*TASK BRIEF:* Look through the records, and wherever the string "IFCMATERIALLAYERSET" turns up, copy out that line.

*MATERIAL SHOWN:*
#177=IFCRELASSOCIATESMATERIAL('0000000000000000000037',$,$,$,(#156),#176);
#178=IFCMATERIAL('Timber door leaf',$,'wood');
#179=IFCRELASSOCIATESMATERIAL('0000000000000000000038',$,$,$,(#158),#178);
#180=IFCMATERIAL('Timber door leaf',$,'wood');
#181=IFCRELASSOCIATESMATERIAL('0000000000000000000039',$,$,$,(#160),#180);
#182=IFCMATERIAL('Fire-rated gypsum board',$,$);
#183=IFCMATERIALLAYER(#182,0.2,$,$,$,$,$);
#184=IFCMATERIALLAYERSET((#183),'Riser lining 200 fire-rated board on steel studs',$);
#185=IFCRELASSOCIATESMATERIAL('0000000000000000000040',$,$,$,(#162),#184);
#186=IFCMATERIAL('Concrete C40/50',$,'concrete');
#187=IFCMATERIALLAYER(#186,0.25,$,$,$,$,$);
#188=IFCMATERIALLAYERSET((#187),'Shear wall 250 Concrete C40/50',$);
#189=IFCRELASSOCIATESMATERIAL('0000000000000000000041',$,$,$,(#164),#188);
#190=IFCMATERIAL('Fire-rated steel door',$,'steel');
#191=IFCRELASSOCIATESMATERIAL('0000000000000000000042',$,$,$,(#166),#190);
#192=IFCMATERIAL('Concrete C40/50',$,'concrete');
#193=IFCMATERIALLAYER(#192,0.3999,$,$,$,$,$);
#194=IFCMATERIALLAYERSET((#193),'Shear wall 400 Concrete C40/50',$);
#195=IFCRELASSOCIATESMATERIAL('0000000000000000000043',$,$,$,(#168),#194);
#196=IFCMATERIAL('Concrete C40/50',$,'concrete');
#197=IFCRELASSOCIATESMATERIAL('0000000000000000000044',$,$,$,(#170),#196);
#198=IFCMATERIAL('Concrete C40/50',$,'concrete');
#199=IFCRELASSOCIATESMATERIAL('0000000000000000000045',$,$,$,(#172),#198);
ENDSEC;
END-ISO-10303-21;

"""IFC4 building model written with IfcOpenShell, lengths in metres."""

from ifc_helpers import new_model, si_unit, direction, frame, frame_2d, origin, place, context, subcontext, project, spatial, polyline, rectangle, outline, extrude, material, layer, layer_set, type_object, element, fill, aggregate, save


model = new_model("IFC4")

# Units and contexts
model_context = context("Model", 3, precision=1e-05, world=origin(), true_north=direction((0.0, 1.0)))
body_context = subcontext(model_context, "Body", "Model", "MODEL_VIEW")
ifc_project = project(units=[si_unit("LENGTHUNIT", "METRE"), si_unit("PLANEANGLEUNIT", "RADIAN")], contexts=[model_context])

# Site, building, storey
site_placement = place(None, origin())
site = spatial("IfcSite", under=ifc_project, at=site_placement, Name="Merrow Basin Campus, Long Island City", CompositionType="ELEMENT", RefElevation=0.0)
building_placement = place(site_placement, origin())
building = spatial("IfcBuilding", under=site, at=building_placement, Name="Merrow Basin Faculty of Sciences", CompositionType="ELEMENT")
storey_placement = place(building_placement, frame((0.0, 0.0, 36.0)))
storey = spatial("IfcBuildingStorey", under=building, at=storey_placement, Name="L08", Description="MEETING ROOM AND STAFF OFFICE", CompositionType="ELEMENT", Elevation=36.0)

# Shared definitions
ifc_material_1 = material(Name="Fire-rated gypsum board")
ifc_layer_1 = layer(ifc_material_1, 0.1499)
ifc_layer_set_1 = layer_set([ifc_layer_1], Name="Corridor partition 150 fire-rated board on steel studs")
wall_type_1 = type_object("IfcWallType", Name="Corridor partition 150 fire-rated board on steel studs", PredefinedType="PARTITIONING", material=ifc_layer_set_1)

...

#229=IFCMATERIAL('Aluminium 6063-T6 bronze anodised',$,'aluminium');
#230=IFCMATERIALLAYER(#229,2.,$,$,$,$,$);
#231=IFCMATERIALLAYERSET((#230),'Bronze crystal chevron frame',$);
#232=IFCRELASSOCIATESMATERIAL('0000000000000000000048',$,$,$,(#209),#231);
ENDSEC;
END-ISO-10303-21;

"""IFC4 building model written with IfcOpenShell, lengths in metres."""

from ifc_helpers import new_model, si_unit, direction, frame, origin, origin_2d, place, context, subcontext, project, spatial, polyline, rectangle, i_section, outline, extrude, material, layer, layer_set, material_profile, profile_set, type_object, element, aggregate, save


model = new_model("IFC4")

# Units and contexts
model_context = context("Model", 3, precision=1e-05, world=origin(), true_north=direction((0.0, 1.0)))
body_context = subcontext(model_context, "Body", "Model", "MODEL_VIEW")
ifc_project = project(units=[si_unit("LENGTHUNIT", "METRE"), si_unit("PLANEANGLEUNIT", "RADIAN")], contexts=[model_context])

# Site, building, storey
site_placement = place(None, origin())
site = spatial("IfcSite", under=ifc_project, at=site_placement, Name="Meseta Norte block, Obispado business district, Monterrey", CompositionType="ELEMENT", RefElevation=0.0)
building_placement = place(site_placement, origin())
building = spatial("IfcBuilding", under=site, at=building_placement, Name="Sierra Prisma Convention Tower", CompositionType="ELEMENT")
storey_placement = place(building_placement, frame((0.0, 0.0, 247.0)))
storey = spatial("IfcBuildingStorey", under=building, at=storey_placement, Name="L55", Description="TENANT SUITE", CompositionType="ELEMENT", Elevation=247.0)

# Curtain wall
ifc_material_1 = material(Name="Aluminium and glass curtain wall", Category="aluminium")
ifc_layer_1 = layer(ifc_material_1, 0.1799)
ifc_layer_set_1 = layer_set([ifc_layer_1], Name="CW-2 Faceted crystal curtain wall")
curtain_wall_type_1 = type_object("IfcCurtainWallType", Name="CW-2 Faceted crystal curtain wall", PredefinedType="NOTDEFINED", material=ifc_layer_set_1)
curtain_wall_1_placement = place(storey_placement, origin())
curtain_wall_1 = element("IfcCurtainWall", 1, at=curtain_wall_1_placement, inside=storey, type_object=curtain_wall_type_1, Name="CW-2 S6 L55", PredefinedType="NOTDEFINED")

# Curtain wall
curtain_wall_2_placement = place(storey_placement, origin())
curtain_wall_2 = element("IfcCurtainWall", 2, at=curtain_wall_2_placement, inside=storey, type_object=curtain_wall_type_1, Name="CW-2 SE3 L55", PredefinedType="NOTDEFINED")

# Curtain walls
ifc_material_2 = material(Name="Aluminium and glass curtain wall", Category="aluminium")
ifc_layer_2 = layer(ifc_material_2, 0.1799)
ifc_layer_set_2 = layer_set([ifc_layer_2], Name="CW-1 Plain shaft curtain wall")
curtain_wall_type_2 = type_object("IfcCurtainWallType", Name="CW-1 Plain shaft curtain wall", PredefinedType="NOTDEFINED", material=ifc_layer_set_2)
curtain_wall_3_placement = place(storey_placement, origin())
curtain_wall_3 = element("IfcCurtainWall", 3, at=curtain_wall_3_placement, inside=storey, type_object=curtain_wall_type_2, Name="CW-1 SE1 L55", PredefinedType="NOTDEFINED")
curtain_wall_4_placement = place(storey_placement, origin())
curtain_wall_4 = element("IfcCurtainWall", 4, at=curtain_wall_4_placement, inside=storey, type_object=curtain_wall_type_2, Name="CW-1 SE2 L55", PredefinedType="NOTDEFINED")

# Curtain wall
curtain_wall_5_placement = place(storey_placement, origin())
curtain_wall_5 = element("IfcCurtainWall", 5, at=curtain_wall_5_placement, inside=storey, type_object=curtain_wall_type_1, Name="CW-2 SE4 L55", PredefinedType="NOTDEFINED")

*COMPLETED TASK:*
#184=IFCMATERIALLAYERSET((#183),'Riser lining 200 fire-rated board on steel studs',$);
#188=IFCMATERIALLAYERSET((#187),'Shear wall 250 Concrete C40/50',$);
#194=IFCMATERIALLAYERSET((#193),'Shear wall 400 Concrete C40/50',$);
#231=IFCMATERIALLAYERSET((#230),'Bronze crystal chevron frame',$);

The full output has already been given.